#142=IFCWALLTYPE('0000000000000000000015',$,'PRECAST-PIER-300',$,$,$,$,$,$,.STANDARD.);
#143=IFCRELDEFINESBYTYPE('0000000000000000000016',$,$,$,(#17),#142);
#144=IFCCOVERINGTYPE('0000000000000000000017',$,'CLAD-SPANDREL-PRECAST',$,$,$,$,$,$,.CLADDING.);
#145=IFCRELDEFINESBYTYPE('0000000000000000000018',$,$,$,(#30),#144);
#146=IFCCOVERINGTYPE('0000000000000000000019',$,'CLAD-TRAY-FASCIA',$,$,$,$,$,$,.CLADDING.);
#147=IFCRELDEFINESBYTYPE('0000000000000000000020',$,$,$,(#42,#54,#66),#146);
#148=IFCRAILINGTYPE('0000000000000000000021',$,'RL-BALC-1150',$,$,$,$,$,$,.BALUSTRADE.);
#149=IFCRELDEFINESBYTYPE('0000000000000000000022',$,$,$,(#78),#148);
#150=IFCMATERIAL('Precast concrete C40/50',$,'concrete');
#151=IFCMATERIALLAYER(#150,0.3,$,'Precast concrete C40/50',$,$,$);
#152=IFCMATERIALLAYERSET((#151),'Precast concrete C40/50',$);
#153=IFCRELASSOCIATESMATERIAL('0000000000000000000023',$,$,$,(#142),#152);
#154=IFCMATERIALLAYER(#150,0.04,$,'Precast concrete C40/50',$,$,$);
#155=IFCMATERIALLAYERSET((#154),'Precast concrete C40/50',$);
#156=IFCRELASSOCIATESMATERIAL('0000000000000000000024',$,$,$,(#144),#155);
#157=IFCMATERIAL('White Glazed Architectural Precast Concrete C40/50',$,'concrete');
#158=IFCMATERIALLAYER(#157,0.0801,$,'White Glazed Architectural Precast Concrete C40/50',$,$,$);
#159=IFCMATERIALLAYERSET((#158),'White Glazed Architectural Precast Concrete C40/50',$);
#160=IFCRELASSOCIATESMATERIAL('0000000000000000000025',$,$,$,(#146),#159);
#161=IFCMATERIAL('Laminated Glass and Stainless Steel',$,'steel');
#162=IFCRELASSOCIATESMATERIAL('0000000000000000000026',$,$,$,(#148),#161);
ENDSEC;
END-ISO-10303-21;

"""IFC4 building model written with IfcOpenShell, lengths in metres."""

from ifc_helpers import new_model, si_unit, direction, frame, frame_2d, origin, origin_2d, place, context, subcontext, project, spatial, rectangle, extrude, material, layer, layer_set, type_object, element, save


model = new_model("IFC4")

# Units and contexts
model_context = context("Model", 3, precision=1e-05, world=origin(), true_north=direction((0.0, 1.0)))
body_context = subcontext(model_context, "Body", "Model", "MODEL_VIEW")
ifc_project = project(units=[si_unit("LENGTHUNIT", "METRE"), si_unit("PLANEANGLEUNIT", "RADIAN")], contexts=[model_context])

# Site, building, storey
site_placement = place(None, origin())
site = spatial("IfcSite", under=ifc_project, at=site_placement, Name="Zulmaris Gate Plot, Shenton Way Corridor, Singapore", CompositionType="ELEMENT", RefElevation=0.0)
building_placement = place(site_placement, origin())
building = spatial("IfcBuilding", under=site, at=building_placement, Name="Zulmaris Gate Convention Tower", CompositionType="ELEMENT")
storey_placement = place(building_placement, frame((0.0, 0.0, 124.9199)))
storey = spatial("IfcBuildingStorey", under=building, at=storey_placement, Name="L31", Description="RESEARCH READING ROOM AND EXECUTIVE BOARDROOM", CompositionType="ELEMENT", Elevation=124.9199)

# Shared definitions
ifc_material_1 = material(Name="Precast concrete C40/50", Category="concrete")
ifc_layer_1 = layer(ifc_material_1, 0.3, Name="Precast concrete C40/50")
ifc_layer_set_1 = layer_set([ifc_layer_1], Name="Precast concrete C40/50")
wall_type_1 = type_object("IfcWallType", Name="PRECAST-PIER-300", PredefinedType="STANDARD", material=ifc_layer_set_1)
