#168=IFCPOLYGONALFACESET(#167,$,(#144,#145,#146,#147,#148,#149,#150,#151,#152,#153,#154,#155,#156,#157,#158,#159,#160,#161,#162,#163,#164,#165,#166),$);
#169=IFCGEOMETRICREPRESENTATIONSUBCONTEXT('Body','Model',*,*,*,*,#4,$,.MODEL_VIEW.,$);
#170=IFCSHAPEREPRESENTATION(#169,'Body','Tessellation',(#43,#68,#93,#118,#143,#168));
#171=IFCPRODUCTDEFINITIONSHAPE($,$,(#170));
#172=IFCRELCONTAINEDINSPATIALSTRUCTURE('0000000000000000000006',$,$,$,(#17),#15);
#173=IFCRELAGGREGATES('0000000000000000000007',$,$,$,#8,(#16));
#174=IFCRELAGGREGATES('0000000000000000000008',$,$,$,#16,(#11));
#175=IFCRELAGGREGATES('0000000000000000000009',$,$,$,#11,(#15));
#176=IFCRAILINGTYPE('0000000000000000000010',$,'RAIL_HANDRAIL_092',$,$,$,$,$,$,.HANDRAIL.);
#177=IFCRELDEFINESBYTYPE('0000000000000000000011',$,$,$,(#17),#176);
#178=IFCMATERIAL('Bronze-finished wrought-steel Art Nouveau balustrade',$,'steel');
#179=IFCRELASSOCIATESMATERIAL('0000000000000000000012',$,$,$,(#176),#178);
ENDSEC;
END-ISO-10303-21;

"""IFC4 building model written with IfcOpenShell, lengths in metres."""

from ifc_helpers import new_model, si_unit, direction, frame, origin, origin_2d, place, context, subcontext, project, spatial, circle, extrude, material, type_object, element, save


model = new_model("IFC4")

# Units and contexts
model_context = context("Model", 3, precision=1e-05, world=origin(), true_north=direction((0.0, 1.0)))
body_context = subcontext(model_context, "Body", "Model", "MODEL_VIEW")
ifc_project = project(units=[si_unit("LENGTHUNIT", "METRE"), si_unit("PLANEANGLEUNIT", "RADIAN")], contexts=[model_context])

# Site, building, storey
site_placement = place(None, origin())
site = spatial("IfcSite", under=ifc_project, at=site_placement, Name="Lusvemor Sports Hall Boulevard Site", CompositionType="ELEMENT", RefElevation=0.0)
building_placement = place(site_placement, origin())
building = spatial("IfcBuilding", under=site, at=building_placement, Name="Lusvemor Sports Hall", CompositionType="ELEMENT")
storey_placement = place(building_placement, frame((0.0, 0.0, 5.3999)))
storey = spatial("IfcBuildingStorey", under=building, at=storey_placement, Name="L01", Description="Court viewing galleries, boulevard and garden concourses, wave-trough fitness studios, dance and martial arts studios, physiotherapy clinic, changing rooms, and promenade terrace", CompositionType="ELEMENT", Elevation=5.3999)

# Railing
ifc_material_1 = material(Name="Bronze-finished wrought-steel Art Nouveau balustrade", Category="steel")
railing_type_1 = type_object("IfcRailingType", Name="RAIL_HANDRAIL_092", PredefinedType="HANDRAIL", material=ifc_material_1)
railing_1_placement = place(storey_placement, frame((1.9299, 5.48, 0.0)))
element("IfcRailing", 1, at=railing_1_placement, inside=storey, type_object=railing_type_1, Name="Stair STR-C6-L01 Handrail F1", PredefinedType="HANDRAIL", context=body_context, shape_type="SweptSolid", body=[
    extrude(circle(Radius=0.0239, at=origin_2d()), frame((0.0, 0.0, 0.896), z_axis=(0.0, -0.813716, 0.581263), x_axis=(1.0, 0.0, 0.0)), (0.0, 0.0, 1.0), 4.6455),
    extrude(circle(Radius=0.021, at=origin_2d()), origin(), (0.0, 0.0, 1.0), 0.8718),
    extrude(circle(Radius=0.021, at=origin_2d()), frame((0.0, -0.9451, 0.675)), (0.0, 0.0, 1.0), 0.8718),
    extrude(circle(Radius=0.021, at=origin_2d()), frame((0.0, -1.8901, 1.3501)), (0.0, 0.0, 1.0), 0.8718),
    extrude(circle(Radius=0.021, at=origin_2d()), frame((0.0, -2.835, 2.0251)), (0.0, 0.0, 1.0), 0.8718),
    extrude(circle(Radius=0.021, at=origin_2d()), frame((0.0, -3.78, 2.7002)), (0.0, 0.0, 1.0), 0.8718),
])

*Work to be completed*. Start with the first line. Please copy exactly each line of the listing through the one with "#161=IFCMATERIAL('Laminated Glass and", including it.

*Answer section*.
#142=IFCWALLTYPE('0000000000000000000015',$,'PRECAST-PIER-300',$,$,$,$,$,$,.STANDARD.);
#143=IFCRELDEFINESBYTYPE('0000000000000000000016',$,$,$,(#17),#142);
#144=IFCCOVERINGTYPE('0000000000000000000017',$,'CLAD-SPANDREL-PRECAST',$,$,$,$,$,$,.CLADDING.);
#145=IFCRELDEFINESBYTYPE('0000000000000000000018',$,$,$,(#30),#144);
#146=IFCCOVERINGTYPE('0000000000000000000019',$,'CLAD-TRAY-FASCIA',$,$,$,$,$,$,.CLADDING.);
#147=IFCRELDEFINESBYTYPE('0000000000000000000020',$,$,$,(#42,#54,#66),#146);
#148=IFCRAILINGTYPE('0000000000000000000021',$,'RL-BALC-1150',$,$,$,$,$,$,.BALUSTRADE.);
#149=IFCRELDEFINESBYTYPE('0000000000000000000022',$,$,$,(#78),#148);
#150=IFCMATERIAL('Precast concrete C40/50',$,'concrete');
#151=IFCMATERIALLAYER(#150,0.3,$,'Precast concrete C40/50',$,$,$);
#152=IFCMATERIALLAYERSET((#151),'Precast concrete C40/50',$);
#153=IFCRELASSOCIATESMATERIAL('0000000000000000000023',$,$,$,(#142),#152);
#154=IFCMATERIALLAYER(#150,0.04,$,'Precast concrete C40/50',$,$,$);
#155=IFCMATERIALLAYERSET((#154),'Precast concrete C40/50',$);
#156=IFCRELASSOCIATESMATERIAL('0000000000000000000024',$,$,$,(#144),#155);
#157=IFCMATERIAL('White Glazed Architectural Precast Concrete C40/50',$,'concrete');
#158=IFCMATERIALLAYER(#157,0.0801,$,'White Glazed Architectural Precast Concrete C40/50',$,$,$);
#159=IFCMATERIALLAYERSET((#158),'White Glazed Architectural Precast Concrete C40/50',$);
#160=IFCRELASSOCIATESMATERIAL('0000000000000000000025',$,$,$,(#146),#159);
#161=IFCMATERIAL('Laminated Glass and Stainless Steel',$,'steel');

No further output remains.